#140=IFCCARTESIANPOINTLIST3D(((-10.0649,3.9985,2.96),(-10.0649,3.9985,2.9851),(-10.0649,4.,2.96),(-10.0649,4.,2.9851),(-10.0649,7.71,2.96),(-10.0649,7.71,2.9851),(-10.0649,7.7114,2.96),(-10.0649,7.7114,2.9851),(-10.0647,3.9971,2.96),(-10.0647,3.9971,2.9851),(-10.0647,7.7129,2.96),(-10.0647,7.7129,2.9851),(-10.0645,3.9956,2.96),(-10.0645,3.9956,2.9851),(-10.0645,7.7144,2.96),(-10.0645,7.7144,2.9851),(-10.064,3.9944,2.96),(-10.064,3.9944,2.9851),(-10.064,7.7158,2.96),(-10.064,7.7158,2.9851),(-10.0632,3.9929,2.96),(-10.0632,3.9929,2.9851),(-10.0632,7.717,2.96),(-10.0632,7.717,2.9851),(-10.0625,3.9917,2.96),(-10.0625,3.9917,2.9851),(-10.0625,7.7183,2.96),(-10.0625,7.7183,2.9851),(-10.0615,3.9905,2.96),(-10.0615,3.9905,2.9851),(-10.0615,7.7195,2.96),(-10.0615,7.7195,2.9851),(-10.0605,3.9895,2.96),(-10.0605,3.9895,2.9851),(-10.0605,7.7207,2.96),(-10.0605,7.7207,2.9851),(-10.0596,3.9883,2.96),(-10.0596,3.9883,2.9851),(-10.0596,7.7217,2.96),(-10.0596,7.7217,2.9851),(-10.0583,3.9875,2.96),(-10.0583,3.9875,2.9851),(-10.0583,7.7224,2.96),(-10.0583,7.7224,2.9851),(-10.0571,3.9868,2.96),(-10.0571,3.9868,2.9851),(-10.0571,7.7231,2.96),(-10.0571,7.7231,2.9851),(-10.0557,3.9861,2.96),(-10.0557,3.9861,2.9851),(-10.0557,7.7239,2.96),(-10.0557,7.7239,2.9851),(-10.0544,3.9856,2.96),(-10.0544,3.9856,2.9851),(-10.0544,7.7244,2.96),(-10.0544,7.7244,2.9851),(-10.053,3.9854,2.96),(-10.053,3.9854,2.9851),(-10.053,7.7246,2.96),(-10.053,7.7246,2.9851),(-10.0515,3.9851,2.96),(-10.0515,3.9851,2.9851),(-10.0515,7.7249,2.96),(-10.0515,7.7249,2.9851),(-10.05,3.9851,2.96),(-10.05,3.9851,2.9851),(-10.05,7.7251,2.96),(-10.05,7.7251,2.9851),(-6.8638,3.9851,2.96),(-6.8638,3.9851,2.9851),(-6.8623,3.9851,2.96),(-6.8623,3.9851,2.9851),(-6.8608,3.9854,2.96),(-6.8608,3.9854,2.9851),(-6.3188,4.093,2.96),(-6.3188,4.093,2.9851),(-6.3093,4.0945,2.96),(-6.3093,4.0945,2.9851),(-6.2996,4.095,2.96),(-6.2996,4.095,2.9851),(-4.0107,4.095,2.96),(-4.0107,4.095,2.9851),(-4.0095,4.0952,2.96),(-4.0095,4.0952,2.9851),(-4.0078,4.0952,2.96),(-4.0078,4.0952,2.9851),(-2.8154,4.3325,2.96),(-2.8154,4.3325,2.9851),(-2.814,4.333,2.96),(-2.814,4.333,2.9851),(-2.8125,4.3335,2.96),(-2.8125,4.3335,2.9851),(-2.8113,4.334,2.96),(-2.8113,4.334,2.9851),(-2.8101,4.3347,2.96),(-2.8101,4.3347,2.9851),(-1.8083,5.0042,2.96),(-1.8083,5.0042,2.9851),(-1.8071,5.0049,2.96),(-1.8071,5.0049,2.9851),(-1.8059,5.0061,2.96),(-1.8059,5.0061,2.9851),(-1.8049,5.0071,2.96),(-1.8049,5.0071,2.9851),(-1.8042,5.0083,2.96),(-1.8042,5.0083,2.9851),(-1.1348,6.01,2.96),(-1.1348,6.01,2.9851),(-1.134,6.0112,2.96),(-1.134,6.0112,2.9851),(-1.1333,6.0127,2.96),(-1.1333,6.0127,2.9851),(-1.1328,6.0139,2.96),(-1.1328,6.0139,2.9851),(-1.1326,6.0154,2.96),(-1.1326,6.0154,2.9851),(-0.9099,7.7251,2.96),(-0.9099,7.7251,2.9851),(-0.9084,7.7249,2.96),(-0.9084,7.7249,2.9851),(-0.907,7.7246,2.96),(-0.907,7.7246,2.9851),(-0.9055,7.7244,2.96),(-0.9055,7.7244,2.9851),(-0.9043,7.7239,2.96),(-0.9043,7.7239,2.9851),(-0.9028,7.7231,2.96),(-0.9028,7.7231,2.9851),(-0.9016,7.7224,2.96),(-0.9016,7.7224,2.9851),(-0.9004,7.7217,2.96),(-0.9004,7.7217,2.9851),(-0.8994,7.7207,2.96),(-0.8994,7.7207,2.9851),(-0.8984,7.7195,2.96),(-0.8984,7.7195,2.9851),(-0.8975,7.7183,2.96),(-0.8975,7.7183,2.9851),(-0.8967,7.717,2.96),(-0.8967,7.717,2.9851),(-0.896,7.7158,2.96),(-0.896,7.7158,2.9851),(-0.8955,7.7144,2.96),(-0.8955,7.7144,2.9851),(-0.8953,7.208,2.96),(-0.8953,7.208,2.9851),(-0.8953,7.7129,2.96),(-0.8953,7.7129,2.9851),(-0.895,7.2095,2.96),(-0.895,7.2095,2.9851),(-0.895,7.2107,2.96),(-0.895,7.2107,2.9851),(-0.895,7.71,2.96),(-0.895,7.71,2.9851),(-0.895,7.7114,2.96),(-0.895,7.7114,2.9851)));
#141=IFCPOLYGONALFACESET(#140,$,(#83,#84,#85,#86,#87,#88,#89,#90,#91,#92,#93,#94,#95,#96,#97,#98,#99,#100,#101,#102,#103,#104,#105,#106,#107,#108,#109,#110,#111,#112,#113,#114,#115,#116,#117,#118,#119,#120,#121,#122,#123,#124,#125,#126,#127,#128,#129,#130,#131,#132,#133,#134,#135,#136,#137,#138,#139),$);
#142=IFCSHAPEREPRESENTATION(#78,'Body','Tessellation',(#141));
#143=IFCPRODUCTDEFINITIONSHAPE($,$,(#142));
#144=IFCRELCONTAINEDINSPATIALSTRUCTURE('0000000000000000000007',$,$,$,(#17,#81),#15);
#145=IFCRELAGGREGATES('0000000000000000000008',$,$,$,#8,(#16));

──────

__The task__
Quote all of the entries verbatim.

__Task answer__
#140=IFCCARTESIANPOINTLIST3D(((-10.0649,3.9985,2.96),(-10.0649,3.9985,2.9851),(-10.0649,4.,2.96),(-10.0649,4.,2.9851),(-10.0649,7.71,2.96),(-10.0649,7.71,2.9851),(-10.0649,7.7114,2.96),(-10.0649,7.7114,2.9851),(-10.0647,3.9971,2.96),(-10.0647,3.9971,2.9851),(-10.0647,7.7129,2.96),(-10.0647,7.7129,2.9851),(-10.0645,3.9956,2.96),(-10.0645,3.9956,2.9851),(-10.0645,7.7144,2.96),(-10.0645,7.7144,2.9851),(-10.064,3.9944,2.96),(-10.064,3.9944,2.9851),(-10.064,7.7158,2.96),(-10.064,7.7158,2.9851),(-10.0632,3.9929,2.96),(-10.0632,3.9929,2.9851),(-10.0632,7.717,2.96),(-10.0632,7.717,2.9851),(-10.0625,3.9917,2.96),(-10.0625,3.9917,2.9851),(-10.0625,7.7183,2.96),(-10.0625,7.7183,2.9851),(-10.0615,3.9905,2.96),(-10.0615,3.9905,2.9851),(-10.0615,7.7195,2.96),(-10.0615,7.7195,2.9851),(-10.0605,3.9895,2.96),(-10.0605,3.9895,2.9851),(-10.0605,7.7207,2.96),(-10.0605,7.7207,2.9851),(-10.0596,3.9883,2.96),(-10.0596,3.9883,2.9851),(-10.0596,7.7217,2.96),(-10.0596,7.7217,2.9851),(-10.0583,3.9875,2.96),(-10.0583,3.9875,2.9851),(-10.0583,7.7224,2.96),(-10.0583,7.7224,2.9851),(-10.0571,3.9868,2.96),(-10.0571,3.9868,2.9851),(-10.0571,7.7231,2.96),(-10.0571,7.7231,2.9851),(-10.0557,3.9861,2.96),(-10.0557,3.9861,2.9851),(-10.0557,7.7239,2.96),(-10.0557,7.7239,2.9851),(-10.0544,3.9856,2.96),(-10.0544,3.9856,2.9851),(-10.0544,7.7244,2.96),(-10.0544,7.7244,2.9851),(-10.053,3.9854,2.96),(-10.053,3.9854,2.9851),(-10.053,7.7246,2.96),(-10.053,7.7246,2.9851),(-10.0515,3.9851,2.96),(-10.0515,3.9851,2.9851),(-10.0515,7.7249,2.96),(-10.0515,7.7249,2.9851),(-10.05,3.9851,2.96),(-10.05,3.9851,2.9851),(-10.05,7.7251,2.96),(-10.05,7.7251,2.9851),(-6.8638,3.9851,2.96),(-6.8638,3.9851,2.9851),(-6.8623,3.9851,2.96),(-6.8623,3.9851,2.9851),(-6.8608,3.9854,2.96),(-6.8608,3.9854,2.9851),(-6.3188,4.093,2.96),(-6.3188,4.093,2.9851),(-6.3093,4.0945,2.96),(-6.3093,4.0945,2.9851),(-6.2996,4.095,2.96),(-6.2996,4.095,2.9851),(-4.0107,4.095,2.96),(-4.0107,4.095,2.9851),(-4.0095,4.0952,2.96),(-4.0095,4.0952,2.9851),(-4.0078,4.0952,2.96),(-4.0078,4.0952,2.9851),(-2.8154,4.3325,2.96),(-2.8154,4.3325,2.9851),(-2.814,4.333,2.96),(-2.814,4.333,2.9851),(-2.8125,4.3335,2.96),(-2.8125,4.3335,2.9851),(-2.8113,4.334,2.96),(-2.8113,4.334,2.9851),(-2.8101,4.3347,2.96),(-2.8101,4.3347,2.9851),(-1.8083,5.0042,2.96),(-1.8083,5.0042,2.9851),(-1.8071,5.0049,2.96),(-1.8071,5.0049,2.9851),(-1.8059,5.0061,2.96),(-1.8059,5.0061,2.9851),(-1.8049,5.0071,2.96),(-1.8049,5.0071,2.9851),(-1.8042,5.0083,2.96),(-1.8042,5.0083,2.9851),(-1.1348,6.01,2.96),(-1.1348,6.01,2.9851),(-1.134,6.0112,2.96),(-1.134,6.0112,2.9851),(-1.1333,6.0127,2.96),(-1.1333,6.0127,2.9851),(-1.1328,6.0139,2.96),(-1.1328,6.0139,2.9851),(-1.1326,6.0154,2.96),(-1.1326,6.0154,2.9851),(-0.9099,7.7251,2.96),(-0.9099,7.7251,2.9851),(-0.9084,7.7249,2.96),(-0.9084,7.7249,2.9851),(-0.907,7.7246,2.96),(-0.907,7.7246,2.9851),(-0.9055,7.7244,2.96),(-0.9055,7.7244,2.9851),(-0.9043,7.7239,2.96),(-0.9043,7.7239,2.9851),(-0.9028,7.7231,2.96),(-0.9028,7.7231,2.9851),(-0.9016,7.7224,2.96),(-0.9016,7.7224,2.9851),(-0.9004,7.7217,2.96),(-0.9004,7.7217,2.9851),(-0.8994,7.7207,2.96),(-0.8994,7.7207,2.9851),(-0.8984,7.7195,2.96),(-0.8984,7.7195,2.9851),(-0.8975,7.7183,2.96),(-0.8975,7.7183,2.9851),(-0.8967,7.717,2.96),(-0.8967,7.717,2.9851),(-0.896,7.7158,2.96),(-0.896,7.7158,2.9851),(-0.8955,7.7144,2.96),(-0.8955,7.7144,2.9851),(-0.8953,7.208,2.96),(-0.8953,7.208,2.9851),(-0.8953,7.7129,2.96),(-0.8953,7.7129,2.9851),(-0.895,7.2095,2.96),(-0.895,7.2095,2.9851),(-0.895,7.2107,2.96),(-0.895,7.2107,2.9851),(-0.895,7.71,2.96),(-0.895,7.71,2.9851),(-0.895,7.7114,2.96),(-0.895,7.7114,2.9851)));
#141=IFCPOLYGONALFACESET(#140,$,(#83,#84,#85,#86,#87,#88,#89,#90,#91,#92,#93,#94,#95,#96,#97,#98,#99,#100,#101,#102,#103,#104,#105,#106,#107,#108,#109,#110,#111,#112,#113,#114,#115,#116,#117,#118,#119,#120,#121,#122,#123,#124,#125,#126,#127,#128,#129,#130,#131,#132,#133,#134,#135,#136,#137,#138,#139),$);
#142=IFCSHAPEREPRESENTATION(#78,'Body','Tessellation',(#141));
#143=IFCPRODUCTDEFINITIONSHAPE($,$,(#142));
#144=IFCRELCONTAINEDINSPATIALSTRUCTURE('0000000000000000000007',$,$,$,(#17,#81),#15);
#145=IFCRELAGGREGATES('0000000000000000000008',$,$,$,#8,(#16));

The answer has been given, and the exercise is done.